> **Data for this exercise**:
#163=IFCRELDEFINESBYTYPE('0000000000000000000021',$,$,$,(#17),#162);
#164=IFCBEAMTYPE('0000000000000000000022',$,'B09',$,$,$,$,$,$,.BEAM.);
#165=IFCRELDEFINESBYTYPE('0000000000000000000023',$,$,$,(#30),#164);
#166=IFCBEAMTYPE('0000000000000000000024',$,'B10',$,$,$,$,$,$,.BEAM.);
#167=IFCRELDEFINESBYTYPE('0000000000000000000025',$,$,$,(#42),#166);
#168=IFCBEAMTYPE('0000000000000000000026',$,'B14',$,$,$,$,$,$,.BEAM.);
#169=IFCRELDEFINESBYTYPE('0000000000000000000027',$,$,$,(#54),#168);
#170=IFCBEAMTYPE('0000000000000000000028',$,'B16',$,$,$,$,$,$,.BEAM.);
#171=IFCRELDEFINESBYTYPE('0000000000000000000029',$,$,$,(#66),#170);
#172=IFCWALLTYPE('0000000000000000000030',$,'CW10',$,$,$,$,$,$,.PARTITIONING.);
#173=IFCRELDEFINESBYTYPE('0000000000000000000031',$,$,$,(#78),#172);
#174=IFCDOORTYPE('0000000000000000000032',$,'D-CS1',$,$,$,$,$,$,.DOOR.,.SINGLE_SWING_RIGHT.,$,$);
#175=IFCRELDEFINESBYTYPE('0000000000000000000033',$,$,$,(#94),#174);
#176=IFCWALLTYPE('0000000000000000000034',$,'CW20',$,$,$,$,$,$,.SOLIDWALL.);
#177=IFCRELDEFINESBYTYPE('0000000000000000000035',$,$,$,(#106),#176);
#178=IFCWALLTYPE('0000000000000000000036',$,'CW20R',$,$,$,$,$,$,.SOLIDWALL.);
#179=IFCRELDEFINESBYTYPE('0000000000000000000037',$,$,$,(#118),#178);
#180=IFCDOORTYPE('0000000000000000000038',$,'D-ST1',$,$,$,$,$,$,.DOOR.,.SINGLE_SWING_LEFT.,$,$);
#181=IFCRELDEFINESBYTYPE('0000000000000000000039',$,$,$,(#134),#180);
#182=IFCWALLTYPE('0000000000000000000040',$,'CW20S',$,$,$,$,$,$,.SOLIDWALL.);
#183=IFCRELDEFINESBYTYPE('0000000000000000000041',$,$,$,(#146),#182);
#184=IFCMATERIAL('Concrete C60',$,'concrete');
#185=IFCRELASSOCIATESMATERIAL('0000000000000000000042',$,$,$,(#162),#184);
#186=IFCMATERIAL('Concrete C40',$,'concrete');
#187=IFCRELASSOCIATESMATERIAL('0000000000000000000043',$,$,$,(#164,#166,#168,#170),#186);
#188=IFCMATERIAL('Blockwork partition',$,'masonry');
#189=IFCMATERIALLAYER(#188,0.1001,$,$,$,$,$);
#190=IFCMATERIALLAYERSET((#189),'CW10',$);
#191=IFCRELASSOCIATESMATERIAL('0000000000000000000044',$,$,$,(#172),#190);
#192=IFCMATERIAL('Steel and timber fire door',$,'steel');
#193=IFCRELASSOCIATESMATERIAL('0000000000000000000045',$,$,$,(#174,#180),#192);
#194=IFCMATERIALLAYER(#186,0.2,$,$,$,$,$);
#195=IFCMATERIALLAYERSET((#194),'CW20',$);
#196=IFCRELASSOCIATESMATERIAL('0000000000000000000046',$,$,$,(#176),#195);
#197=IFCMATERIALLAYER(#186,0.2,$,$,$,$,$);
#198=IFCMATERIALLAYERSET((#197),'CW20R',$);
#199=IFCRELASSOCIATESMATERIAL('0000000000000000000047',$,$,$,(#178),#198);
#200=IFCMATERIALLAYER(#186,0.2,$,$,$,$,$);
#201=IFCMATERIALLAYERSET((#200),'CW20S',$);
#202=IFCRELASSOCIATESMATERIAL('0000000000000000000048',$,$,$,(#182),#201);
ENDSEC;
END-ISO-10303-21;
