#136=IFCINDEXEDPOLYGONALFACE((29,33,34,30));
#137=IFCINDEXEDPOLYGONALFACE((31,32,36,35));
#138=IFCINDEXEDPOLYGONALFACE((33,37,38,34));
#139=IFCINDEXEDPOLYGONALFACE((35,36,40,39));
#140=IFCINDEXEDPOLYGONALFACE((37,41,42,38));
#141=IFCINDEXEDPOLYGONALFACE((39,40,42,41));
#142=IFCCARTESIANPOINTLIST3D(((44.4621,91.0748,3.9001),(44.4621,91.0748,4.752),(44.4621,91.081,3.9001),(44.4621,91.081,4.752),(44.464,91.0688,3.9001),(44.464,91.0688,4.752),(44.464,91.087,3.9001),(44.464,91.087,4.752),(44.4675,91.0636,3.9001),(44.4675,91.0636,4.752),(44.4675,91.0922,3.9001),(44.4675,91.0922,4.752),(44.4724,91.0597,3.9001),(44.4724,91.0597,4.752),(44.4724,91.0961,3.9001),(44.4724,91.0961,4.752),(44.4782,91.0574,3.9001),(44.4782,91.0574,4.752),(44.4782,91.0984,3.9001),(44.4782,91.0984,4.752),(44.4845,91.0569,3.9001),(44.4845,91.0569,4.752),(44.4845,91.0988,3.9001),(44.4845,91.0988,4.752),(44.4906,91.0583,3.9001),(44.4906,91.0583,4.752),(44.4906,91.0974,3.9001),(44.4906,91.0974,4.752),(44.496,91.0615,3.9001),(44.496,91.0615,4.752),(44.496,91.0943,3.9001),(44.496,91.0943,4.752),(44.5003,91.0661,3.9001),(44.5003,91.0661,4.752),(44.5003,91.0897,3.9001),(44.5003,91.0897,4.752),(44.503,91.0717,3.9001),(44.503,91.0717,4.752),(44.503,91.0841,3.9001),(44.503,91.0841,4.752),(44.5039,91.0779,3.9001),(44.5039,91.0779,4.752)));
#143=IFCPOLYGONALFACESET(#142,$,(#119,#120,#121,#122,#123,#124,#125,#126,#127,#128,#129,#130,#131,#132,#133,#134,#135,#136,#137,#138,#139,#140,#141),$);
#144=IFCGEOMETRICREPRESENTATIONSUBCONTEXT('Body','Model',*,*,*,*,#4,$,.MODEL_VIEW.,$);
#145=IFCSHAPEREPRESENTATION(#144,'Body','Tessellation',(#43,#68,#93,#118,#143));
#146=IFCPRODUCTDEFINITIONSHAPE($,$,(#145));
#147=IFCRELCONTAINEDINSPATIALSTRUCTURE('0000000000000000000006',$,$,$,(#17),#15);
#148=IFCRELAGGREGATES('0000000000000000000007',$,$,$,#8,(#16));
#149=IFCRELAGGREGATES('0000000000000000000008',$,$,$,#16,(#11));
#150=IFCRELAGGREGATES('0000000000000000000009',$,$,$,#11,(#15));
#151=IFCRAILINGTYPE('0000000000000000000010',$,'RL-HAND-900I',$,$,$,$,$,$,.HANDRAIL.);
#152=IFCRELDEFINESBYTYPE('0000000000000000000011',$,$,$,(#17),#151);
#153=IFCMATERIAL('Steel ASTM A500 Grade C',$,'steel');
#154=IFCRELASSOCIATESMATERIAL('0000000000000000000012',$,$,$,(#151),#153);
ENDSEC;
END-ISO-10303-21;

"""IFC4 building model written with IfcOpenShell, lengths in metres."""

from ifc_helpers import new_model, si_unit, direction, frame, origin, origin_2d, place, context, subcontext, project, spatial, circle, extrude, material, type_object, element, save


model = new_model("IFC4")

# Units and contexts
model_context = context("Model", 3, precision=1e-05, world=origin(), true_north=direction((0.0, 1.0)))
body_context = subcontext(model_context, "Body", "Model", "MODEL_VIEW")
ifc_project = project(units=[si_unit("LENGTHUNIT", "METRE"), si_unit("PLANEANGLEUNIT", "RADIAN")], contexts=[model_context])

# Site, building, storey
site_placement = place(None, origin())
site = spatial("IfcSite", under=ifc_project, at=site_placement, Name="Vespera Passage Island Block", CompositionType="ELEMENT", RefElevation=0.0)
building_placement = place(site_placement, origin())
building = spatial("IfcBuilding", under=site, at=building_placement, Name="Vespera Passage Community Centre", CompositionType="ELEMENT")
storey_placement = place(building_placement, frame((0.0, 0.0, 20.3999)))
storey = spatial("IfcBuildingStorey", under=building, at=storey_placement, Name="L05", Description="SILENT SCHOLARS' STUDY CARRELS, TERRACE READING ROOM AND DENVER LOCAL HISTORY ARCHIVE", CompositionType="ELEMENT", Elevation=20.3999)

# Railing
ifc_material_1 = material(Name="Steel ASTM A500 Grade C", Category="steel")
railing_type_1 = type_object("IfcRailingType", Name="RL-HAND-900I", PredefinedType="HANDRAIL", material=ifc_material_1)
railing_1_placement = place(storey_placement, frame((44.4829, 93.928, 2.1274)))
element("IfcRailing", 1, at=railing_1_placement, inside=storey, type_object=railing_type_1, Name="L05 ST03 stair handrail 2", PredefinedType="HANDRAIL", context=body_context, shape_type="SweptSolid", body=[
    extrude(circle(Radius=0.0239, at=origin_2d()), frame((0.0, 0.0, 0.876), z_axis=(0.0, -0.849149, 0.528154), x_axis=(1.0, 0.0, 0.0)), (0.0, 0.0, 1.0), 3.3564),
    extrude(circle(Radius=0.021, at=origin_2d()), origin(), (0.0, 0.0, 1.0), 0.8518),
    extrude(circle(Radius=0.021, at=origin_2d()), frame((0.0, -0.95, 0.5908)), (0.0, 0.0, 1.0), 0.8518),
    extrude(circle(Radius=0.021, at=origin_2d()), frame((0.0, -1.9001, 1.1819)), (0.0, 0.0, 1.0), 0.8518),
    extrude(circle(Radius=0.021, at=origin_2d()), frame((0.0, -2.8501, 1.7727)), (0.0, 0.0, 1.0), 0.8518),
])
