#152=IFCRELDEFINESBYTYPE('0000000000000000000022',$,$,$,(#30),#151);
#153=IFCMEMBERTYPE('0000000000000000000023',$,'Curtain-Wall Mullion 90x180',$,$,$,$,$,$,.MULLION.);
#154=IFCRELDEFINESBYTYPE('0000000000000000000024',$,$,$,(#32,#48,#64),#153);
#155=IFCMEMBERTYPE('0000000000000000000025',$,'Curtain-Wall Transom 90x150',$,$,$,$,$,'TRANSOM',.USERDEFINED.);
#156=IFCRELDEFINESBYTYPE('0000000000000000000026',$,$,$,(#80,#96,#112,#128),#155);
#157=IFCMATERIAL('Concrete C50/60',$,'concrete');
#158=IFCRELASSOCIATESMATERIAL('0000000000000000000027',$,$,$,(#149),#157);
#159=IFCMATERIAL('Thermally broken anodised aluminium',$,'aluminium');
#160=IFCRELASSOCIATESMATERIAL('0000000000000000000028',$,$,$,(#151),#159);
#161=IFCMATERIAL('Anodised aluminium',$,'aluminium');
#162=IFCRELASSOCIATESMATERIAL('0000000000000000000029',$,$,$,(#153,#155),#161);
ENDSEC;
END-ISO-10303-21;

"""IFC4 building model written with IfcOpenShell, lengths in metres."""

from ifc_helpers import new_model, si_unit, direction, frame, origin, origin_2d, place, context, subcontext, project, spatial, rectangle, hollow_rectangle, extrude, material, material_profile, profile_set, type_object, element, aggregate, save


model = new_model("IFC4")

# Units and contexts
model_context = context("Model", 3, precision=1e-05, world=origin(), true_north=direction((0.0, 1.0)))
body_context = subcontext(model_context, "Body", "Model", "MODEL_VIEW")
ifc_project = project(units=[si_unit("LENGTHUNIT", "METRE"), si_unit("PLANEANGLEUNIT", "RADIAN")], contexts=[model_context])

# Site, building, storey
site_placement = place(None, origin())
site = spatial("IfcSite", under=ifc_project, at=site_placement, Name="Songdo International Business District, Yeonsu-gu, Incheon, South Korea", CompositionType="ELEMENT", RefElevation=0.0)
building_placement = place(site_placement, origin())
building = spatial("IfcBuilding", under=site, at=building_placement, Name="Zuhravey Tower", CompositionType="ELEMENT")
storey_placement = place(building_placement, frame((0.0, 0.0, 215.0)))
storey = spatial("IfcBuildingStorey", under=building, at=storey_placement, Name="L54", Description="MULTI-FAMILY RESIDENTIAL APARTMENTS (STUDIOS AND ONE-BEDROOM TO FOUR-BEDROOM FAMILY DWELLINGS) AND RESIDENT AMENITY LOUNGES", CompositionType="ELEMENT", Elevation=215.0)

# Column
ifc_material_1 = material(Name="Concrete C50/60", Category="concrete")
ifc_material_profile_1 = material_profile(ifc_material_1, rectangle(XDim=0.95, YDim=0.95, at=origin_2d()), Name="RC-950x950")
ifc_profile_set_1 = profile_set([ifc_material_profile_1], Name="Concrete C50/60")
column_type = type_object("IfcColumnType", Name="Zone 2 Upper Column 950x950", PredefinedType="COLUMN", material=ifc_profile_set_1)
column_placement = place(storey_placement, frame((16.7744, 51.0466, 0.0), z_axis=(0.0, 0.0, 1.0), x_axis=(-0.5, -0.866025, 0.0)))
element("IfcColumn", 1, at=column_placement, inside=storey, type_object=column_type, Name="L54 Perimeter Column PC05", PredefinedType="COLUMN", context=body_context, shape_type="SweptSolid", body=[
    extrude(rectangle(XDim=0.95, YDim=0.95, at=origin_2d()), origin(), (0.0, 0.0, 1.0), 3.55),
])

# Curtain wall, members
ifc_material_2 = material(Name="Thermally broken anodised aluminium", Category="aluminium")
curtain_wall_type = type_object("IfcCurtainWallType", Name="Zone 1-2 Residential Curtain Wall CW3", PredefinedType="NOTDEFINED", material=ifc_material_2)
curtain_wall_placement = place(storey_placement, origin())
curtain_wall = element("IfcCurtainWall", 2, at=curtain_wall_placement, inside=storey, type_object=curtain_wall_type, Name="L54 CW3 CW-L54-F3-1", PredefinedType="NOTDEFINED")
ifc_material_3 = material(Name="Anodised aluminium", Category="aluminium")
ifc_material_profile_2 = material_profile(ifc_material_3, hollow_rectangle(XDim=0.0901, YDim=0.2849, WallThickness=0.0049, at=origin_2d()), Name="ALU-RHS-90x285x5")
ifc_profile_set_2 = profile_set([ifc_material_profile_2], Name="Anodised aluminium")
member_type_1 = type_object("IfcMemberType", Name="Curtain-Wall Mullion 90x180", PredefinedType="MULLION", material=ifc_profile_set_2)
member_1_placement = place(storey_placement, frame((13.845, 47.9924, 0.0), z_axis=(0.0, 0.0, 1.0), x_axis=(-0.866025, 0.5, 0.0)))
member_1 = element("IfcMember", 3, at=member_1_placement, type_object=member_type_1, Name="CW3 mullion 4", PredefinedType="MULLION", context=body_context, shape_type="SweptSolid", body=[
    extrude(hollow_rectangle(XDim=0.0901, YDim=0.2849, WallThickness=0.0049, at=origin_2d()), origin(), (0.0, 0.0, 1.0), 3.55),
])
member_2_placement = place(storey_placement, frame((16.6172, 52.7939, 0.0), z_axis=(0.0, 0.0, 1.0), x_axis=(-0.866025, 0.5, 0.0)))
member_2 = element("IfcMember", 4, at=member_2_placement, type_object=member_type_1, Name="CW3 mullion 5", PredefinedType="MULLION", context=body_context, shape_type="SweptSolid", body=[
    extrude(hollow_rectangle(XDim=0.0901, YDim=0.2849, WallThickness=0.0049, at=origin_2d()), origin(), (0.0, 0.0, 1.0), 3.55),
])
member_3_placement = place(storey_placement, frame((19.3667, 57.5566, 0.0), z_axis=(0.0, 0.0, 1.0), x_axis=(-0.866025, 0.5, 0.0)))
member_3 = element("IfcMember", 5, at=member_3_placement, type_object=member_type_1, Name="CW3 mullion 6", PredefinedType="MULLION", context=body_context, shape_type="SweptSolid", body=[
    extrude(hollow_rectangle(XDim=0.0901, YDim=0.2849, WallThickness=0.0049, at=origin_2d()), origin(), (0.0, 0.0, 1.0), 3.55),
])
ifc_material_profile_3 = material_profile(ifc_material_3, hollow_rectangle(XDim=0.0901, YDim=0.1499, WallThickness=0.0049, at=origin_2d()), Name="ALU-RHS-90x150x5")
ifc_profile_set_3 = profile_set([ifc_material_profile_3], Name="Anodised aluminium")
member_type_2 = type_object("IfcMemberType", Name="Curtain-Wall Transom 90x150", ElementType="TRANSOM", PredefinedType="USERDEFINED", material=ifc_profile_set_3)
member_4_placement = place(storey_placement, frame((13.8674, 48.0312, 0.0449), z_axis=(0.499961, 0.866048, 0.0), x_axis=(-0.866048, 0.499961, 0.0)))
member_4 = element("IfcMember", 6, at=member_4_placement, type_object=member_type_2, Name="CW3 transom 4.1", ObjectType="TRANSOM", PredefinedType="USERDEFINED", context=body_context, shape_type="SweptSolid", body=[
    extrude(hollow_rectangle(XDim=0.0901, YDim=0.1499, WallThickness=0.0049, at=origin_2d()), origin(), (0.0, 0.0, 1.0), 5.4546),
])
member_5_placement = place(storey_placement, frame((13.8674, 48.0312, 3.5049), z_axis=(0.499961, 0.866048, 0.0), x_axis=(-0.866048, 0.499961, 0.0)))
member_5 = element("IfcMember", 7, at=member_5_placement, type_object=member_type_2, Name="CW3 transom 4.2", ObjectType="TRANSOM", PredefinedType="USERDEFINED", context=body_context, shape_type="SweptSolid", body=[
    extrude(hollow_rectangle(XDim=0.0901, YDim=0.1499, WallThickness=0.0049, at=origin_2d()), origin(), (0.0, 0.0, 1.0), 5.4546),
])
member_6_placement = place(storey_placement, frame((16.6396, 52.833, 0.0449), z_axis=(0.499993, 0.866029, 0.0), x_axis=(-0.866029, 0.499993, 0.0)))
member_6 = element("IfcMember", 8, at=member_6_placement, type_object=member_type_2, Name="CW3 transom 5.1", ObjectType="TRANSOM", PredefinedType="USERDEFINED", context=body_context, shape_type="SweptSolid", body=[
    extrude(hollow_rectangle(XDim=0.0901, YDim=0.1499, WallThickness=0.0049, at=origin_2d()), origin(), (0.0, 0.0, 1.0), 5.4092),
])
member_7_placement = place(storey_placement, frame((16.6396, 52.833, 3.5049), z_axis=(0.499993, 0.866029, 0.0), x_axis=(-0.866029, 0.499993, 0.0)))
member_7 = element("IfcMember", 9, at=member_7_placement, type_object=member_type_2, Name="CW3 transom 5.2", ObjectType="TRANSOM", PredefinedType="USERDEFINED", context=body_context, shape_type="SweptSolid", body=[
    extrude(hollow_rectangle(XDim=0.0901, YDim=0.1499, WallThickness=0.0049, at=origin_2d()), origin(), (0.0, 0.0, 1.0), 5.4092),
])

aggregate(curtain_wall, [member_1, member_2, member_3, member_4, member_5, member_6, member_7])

> **Required action**: Would you filter the records and copy each line that contains the word "save"?

> **Answer to this task**:
from ifc_helpers import new_model, si_unit, direction, frame, origin, origin_2d, place, context, subcontext, project, spatial, circle, extrude, material, type_object, element, save
from ifc_helpers import new_model, si_unit, direction, frame, origin, origin_2d, place, context, subcontext, project, spatial, rectangle, hollow_rectangle, extrude, material, material_profile, profile_set, type_object, element, aggregate, save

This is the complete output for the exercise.